**TASK DIRECTIONS**
Set out exactly, and with nothing added, the line containing "x_axis=(-0.499995, -0.866028, 0.0)))" and every line after it through the final line of the data.

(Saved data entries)
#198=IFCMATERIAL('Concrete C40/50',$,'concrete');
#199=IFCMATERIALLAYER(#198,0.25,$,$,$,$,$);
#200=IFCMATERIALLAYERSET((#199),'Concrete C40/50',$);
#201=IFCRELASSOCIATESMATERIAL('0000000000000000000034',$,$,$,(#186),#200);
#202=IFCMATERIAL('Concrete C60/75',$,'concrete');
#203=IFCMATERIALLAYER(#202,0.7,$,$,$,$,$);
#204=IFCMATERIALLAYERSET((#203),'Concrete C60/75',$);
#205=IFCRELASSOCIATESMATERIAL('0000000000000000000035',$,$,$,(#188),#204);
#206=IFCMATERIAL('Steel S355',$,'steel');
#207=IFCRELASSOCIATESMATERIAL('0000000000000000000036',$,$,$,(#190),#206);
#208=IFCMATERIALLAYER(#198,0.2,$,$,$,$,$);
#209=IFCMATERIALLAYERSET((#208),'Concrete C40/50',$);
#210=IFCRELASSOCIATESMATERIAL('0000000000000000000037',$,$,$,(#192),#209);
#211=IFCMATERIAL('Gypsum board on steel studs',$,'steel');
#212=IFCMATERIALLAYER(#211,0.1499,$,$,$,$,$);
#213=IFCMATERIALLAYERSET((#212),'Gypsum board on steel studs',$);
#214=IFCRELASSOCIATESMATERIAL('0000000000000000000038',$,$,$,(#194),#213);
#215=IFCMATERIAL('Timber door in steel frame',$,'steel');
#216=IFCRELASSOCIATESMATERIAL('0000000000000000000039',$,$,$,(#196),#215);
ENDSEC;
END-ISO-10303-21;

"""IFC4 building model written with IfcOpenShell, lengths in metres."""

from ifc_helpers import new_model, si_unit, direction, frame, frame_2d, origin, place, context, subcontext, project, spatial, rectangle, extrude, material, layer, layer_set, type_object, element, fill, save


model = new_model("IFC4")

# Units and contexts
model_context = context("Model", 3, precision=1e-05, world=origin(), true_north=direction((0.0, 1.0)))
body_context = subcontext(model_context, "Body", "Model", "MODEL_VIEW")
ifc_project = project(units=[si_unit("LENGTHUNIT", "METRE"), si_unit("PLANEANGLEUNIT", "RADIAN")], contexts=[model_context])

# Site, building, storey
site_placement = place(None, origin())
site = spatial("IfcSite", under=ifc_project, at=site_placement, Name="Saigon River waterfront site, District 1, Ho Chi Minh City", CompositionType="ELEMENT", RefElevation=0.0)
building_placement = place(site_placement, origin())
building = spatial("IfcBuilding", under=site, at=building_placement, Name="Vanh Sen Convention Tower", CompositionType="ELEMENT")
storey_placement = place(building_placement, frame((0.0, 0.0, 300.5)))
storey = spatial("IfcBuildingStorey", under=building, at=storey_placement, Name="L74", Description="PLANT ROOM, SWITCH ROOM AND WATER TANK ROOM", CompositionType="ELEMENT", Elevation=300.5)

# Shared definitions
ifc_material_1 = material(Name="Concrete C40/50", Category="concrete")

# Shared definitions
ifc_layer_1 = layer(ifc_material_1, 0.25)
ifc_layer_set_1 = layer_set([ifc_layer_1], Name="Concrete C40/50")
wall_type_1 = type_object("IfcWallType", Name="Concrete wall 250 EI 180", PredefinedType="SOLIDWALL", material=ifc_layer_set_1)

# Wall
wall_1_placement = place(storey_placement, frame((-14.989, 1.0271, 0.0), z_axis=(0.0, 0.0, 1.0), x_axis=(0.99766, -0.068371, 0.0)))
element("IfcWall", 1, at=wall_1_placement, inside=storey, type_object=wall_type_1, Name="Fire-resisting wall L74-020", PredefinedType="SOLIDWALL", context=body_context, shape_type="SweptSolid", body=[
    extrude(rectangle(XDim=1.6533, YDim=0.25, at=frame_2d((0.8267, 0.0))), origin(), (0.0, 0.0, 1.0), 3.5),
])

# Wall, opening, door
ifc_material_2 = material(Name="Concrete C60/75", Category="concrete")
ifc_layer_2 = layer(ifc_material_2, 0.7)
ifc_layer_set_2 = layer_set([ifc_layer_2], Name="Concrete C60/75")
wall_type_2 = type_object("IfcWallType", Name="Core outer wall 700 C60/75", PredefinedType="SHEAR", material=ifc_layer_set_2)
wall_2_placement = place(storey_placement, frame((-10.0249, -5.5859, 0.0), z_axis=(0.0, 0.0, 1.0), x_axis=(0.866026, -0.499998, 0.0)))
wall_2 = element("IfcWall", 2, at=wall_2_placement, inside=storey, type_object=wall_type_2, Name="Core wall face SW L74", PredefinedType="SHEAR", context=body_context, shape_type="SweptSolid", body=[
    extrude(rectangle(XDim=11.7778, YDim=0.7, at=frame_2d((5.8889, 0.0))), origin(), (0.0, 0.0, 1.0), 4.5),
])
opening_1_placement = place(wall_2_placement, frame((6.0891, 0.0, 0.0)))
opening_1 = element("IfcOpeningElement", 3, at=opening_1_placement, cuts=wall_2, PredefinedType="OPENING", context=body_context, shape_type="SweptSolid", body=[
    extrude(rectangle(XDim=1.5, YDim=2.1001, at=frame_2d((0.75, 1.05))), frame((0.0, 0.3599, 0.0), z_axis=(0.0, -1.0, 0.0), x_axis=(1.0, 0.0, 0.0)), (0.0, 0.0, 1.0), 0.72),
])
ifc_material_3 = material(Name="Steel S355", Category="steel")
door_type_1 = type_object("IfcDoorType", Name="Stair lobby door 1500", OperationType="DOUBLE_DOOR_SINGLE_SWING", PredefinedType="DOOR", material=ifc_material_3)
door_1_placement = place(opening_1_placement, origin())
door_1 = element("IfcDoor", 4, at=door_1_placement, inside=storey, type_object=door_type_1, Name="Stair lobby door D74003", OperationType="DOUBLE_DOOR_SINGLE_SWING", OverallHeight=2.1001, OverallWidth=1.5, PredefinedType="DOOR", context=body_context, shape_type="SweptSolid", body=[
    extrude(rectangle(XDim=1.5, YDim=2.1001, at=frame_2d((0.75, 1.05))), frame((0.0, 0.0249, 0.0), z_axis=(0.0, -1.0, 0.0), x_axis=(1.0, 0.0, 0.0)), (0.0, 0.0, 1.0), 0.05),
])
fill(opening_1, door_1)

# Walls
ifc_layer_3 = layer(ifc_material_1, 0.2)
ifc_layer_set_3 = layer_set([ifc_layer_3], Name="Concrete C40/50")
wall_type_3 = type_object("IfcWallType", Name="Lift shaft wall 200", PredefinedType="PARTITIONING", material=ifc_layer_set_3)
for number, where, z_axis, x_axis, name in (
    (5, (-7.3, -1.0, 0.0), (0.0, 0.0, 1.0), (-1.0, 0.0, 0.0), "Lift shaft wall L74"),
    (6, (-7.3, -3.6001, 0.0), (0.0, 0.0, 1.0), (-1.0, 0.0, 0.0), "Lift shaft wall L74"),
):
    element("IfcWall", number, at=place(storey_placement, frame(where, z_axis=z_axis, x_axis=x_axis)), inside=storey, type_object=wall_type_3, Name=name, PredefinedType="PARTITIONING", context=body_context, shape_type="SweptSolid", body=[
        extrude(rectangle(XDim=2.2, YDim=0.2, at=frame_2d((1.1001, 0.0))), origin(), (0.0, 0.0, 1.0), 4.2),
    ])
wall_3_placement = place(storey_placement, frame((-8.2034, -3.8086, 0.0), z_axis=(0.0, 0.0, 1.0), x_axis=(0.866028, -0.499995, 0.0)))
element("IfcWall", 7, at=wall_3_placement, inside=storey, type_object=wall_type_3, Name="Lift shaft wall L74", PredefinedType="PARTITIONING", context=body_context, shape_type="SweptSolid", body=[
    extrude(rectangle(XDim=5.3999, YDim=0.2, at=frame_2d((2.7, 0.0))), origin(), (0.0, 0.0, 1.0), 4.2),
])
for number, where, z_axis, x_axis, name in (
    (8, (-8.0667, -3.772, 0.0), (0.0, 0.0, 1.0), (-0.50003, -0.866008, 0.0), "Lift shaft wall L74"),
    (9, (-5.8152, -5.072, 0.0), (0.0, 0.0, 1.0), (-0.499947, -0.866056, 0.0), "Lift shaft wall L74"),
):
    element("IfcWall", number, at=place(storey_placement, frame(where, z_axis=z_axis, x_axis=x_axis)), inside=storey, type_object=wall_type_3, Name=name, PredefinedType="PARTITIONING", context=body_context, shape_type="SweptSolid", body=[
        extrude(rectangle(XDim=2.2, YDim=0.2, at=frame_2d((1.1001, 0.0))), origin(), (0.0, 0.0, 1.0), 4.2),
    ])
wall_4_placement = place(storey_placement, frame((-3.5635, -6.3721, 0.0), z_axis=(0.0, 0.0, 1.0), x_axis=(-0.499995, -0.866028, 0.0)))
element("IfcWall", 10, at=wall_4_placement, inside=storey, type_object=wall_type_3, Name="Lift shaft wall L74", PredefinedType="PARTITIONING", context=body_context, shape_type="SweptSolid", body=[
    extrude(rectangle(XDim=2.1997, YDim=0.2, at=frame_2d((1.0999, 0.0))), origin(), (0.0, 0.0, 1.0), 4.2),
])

**ANSWER BOX**
wall_4_placement = place(storey_placement, frame((-3.5635, -6.3721, 0.0), z_axis=(0.0, 0.0, 1.0), x_axis=(-0.499995, -0.866028, 0.0)))
element("IfcWall", 10, at=wall_4_placement, inside=storey, type_object=wall_type_3, Name="Lift shaft wall L74", PredefinedType="PARTITIONING", context=body_context, shape_type="SweptSolid", body=[
    extrude(rectangle(XDim=2.1997, YDim=0.2, at=frame_2d((1.0999, 0.0))), origin(), (0.0, 0.0, 1.0), 4.2),
])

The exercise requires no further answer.